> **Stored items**
———
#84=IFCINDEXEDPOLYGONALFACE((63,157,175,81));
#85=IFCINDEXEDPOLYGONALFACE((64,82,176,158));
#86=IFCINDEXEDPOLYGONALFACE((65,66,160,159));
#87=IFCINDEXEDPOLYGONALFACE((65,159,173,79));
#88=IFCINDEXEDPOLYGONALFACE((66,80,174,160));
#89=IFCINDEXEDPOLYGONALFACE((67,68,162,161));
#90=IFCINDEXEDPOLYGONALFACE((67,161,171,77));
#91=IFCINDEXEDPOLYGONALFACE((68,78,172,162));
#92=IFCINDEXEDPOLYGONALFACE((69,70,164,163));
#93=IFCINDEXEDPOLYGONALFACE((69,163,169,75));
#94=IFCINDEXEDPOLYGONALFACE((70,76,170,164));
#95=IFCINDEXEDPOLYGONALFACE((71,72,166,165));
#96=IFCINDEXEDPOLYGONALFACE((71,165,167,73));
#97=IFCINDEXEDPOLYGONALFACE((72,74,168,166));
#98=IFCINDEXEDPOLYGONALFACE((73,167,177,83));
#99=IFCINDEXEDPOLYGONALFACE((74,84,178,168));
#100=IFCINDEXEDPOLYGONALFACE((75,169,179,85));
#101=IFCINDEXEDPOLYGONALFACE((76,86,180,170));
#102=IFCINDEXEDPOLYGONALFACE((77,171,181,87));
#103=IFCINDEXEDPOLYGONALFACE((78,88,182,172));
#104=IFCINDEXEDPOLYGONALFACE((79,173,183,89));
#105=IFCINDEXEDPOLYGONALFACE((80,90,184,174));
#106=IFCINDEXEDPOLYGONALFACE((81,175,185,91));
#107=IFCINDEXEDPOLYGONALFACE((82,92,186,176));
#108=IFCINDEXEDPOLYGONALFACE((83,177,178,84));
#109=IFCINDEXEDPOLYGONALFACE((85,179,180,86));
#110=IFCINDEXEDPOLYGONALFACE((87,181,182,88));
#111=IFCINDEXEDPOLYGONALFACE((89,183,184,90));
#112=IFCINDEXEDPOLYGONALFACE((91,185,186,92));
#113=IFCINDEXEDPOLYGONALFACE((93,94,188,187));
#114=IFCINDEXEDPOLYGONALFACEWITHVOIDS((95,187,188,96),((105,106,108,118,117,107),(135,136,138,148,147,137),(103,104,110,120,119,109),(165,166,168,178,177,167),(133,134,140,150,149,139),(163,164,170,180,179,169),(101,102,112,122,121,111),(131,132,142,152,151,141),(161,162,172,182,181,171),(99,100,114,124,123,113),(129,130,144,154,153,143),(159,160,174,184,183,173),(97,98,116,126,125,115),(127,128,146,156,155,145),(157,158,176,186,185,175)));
———
> **WHAT IS REQUIRED**
In the entries above, one line contains "#93=IFCINDEXEDPOLYGONALFACE((69,163,169,75));" and another contains "#103=IFCINDEXEDPOLYGONALFACE((78,88,182,172));". Reproduce exactly those two lines and the lines between them, nothing else.

> **RESPONSE AREA**
#93=IFCINDEXEDPOLYGONALFACE((69,163,169,75));
#94=IFCINDEXEDPOLYGONALFACE((70,76,170,164));
#95=IFCINDEXEDPOLYGONALFACE((71,72,166,165));
#96=IFCINDEXEDPOLYGONALFACE((71,165,167,73));
#97=IFCINDEXEDPOLYGONALFACE((72,74,168,166));
#98=IFCINDEXEDPOLYGONALFACE((73,167,177,83));
#99=IFCINDEXEDPOLYGONALFACE((74,84,178,168));
#100=IFCINDEXEDPOLYGONALFACE((75,169,179,85));
#101=IFCINDEXEDPOLYGONALFACE((76,86,180,170));
#102=IFCINDEXEDPOLYGONALFACE((77,171,181,87));
#103=IFCINDEXEDPOLYGONALFACE((78,88,182,172));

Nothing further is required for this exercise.